Records excerpted from a collection:
========================================================================
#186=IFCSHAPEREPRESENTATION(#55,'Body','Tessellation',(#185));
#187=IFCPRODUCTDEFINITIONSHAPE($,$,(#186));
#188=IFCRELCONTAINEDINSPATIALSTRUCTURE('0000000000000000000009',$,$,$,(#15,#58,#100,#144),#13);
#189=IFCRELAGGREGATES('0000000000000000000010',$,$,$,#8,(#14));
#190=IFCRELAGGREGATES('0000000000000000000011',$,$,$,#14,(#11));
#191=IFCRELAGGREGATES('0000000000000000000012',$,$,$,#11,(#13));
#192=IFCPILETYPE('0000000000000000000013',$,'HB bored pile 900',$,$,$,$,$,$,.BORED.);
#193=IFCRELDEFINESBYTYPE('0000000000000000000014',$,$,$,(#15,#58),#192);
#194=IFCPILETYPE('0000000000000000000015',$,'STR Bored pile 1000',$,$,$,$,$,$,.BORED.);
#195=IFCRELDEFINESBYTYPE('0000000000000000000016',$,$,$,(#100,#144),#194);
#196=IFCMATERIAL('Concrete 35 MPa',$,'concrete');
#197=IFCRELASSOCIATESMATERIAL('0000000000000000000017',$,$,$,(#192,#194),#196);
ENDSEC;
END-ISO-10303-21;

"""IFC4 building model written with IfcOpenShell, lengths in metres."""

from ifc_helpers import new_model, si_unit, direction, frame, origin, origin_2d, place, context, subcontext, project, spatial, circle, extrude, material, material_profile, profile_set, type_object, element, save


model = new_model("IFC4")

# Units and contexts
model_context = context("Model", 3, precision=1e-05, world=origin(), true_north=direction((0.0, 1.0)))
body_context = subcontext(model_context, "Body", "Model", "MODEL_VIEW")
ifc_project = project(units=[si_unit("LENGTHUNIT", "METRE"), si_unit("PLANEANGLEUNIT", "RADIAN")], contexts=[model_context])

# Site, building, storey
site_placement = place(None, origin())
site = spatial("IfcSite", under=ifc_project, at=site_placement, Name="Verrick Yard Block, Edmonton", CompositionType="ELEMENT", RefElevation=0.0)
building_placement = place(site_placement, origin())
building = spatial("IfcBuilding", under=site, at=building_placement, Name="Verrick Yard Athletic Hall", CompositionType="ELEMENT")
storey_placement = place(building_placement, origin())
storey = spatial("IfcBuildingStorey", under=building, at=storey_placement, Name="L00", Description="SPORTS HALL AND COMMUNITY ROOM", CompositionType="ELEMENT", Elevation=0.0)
========================================================================
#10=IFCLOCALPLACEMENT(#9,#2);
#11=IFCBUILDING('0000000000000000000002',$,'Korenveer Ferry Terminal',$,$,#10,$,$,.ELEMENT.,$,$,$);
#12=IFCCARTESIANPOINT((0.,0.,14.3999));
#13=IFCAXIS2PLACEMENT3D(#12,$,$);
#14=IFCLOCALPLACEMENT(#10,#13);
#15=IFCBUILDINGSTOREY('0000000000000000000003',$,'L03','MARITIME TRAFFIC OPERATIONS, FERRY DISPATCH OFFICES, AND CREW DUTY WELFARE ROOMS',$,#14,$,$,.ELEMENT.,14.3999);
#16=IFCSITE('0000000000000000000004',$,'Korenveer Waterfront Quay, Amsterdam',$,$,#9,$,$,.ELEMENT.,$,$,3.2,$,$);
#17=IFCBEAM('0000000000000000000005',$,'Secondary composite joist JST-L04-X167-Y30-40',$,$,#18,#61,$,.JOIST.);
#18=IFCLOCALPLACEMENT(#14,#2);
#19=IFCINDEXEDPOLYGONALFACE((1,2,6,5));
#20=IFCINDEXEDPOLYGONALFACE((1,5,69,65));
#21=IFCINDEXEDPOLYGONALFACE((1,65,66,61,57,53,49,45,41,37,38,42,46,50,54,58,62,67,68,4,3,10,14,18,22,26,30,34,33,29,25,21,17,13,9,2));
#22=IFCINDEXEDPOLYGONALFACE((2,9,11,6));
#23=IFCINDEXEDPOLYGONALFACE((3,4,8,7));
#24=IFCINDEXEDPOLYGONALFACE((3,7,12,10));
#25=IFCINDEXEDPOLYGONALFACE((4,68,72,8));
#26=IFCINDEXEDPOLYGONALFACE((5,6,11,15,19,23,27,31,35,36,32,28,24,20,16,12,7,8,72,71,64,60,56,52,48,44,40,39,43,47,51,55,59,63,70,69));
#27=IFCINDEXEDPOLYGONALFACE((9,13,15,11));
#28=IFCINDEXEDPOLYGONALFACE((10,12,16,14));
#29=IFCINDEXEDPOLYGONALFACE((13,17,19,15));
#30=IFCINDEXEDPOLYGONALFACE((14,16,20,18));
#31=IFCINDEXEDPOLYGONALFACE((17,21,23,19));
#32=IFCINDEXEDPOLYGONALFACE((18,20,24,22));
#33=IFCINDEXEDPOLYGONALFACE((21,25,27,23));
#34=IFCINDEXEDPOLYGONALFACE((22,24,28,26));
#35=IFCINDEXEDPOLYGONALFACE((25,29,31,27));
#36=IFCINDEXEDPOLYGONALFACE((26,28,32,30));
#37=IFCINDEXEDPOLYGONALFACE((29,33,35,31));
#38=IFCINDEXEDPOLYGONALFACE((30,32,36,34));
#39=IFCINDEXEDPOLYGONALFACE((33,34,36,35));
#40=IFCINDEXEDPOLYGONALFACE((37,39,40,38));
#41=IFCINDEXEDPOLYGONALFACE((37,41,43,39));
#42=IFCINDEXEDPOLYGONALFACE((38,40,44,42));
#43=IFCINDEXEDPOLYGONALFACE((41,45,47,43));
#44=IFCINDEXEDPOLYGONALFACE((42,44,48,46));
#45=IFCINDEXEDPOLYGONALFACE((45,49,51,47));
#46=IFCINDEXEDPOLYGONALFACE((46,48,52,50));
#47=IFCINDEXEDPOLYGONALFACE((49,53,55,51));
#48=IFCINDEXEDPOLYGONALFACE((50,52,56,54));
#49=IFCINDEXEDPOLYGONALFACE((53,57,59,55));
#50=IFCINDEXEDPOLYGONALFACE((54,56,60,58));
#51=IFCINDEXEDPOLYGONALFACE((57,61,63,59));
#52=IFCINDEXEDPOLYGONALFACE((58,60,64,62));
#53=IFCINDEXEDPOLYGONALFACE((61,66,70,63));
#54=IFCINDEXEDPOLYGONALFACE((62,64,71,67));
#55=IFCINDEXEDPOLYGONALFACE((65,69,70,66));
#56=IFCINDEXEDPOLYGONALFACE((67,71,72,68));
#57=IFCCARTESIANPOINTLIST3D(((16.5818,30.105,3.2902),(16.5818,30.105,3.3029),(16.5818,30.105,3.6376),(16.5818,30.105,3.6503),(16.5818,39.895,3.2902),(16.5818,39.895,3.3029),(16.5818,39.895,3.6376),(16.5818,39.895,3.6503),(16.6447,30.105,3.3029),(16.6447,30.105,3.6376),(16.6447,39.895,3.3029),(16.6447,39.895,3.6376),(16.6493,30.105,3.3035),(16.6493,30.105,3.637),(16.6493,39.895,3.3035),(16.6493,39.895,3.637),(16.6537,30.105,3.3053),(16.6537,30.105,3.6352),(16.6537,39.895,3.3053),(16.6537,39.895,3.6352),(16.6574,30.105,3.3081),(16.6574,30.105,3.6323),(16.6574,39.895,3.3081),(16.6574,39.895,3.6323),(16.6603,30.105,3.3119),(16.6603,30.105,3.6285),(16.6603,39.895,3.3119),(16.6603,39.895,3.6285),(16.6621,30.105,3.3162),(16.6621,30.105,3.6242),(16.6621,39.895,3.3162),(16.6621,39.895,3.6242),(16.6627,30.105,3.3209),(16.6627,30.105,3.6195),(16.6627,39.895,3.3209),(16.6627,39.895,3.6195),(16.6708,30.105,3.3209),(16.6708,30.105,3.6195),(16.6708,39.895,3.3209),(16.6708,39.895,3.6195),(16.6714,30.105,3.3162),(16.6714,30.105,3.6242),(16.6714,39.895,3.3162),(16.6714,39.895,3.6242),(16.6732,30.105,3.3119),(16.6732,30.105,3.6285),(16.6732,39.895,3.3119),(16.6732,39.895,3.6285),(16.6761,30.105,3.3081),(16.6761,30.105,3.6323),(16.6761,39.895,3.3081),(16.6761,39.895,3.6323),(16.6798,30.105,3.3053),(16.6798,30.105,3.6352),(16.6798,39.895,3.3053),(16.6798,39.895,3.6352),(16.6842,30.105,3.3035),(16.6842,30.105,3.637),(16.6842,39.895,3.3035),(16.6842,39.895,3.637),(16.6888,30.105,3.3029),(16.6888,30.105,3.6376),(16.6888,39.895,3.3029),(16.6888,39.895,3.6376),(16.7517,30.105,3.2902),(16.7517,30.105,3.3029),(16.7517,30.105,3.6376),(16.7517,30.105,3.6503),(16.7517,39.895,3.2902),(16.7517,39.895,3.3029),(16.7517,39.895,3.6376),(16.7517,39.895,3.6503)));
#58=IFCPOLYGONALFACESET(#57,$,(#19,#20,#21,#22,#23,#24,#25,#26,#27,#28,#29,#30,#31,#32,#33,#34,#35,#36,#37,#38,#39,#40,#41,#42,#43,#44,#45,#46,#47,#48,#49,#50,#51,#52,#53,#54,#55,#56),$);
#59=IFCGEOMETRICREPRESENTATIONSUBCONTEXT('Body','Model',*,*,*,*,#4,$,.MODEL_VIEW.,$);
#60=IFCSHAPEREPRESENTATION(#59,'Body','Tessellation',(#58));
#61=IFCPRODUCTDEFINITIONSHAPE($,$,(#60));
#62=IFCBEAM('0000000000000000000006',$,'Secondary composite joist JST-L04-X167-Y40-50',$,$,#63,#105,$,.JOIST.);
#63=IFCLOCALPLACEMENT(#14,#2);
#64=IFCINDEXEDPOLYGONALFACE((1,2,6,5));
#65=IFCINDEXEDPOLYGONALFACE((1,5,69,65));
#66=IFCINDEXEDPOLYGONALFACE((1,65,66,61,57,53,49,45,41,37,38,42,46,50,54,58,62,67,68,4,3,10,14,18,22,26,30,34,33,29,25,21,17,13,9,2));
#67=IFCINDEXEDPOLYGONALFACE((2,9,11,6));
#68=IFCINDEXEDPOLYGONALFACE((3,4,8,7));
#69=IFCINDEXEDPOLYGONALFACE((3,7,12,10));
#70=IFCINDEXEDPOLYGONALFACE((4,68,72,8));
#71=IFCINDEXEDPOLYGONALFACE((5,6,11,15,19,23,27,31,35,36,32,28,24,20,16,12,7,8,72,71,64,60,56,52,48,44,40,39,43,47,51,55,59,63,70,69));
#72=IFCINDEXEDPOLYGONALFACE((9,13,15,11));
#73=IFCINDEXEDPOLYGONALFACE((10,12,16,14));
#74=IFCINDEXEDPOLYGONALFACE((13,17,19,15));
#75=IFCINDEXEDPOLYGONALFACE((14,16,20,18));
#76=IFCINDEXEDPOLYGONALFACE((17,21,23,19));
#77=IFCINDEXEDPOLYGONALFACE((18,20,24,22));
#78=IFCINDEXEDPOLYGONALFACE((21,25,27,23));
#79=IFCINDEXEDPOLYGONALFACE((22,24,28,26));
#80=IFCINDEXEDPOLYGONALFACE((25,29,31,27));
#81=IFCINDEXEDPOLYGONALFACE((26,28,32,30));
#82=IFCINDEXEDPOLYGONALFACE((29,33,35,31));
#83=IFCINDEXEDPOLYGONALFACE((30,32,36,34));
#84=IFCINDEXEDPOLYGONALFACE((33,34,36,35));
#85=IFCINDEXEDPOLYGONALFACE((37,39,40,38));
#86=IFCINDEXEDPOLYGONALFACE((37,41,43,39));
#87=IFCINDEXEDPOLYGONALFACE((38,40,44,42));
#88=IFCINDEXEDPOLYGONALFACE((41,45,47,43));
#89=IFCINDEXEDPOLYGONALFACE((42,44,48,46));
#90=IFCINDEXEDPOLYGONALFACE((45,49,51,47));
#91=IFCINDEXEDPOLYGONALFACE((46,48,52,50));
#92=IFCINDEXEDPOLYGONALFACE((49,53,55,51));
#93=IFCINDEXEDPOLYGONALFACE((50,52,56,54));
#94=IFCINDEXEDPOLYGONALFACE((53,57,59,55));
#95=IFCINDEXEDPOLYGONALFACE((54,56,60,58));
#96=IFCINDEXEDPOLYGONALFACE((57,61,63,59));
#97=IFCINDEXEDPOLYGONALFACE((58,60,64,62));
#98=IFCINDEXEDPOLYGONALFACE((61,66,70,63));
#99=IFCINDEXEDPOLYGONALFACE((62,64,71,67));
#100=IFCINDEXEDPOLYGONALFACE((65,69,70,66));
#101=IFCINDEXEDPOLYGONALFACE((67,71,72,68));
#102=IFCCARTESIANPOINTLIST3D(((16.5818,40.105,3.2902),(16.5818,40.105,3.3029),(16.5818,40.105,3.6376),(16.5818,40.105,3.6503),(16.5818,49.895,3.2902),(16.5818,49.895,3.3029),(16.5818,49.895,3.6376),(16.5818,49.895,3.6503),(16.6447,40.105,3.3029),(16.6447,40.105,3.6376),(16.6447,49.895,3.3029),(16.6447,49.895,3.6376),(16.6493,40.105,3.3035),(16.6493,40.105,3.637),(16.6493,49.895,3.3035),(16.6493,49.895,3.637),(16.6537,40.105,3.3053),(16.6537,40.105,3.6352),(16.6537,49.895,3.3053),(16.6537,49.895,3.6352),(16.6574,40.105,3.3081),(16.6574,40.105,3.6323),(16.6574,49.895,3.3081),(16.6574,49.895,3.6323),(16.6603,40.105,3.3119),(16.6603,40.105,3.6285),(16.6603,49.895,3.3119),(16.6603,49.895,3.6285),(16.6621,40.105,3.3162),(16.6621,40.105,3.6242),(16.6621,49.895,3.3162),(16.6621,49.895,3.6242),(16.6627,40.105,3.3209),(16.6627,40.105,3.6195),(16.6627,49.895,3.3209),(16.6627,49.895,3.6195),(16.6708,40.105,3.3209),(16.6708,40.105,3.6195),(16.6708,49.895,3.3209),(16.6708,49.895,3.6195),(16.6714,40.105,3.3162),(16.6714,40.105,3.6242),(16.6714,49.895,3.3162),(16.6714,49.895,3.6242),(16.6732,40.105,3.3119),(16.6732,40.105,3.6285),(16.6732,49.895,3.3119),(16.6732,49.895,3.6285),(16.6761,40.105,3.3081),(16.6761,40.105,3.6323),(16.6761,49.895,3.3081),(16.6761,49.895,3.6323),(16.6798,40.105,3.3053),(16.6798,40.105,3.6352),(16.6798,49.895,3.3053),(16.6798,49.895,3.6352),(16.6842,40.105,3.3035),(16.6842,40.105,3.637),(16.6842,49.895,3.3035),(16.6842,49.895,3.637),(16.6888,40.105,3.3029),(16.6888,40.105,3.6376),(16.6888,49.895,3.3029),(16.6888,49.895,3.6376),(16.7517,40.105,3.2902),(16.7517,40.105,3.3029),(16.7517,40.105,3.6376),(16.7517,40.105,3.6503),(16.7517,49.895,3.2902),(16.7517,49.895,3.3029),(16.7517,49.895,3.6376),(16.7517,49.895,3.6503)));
========================================================================
* _Task item_
Could you set down, word for word, only the lines above from the line with "#186=IFCSHAPEREPRESENTATION(#55,'Body','Tessellation',(#185));" to the line with "building model written", including both?

* _Output below_
#186=IFCSHAPEREPRESENTATION(#55,'Body','Tessellation',(#185));
#187=IFCPRODUCTDEFINITIONSHAPE($,$,(#186));
#188=IFCRELCONTAINEDINSPATIALSTRUCTURE('0000000000000000000009',$,$,$,(#15,#58,#100,#144),#13);
#189=IFCRELAGGREGATES('0000000000000000000010',$,$,$,#8,(#14));
#190=IFCRELAGGREGATES('0000000000000000000011',$,$,$,#14,(#11));
#191=IFCRELAGGREGATES('0000000000000000000012',$,$,$,#11,(#13));
#192=IFCPILETYPE('0000000000000000000013',$,'HB bored pile 900',$,$,$,$,$,$,.BORED.);
#193=IFCRELDEFINESBYTYPE('0000000000000000000014',$,$,$,(#15,#58),#192);
#194=IFCPILETYPE('0000000000000000000015',$,'STR Bored pile 1000',$,$,$,$,$,$,.BORED.);
#195=IFCRELDEFINESBYTYPE('0000000000000000000016',$,$,$,(#100,#144),#194);
#196=IFCMATERIAL('Concrete 35 MPa',$,'concrete');
#197=IFCRELASSOCIATESMATERIAL('0000000000000000000017',$,$,$,(#192,#194),#196);
ENDSEC;
END-ISO-10303-21;

"""IFC4 building model written with IfcOpenShell, lengths in metres."""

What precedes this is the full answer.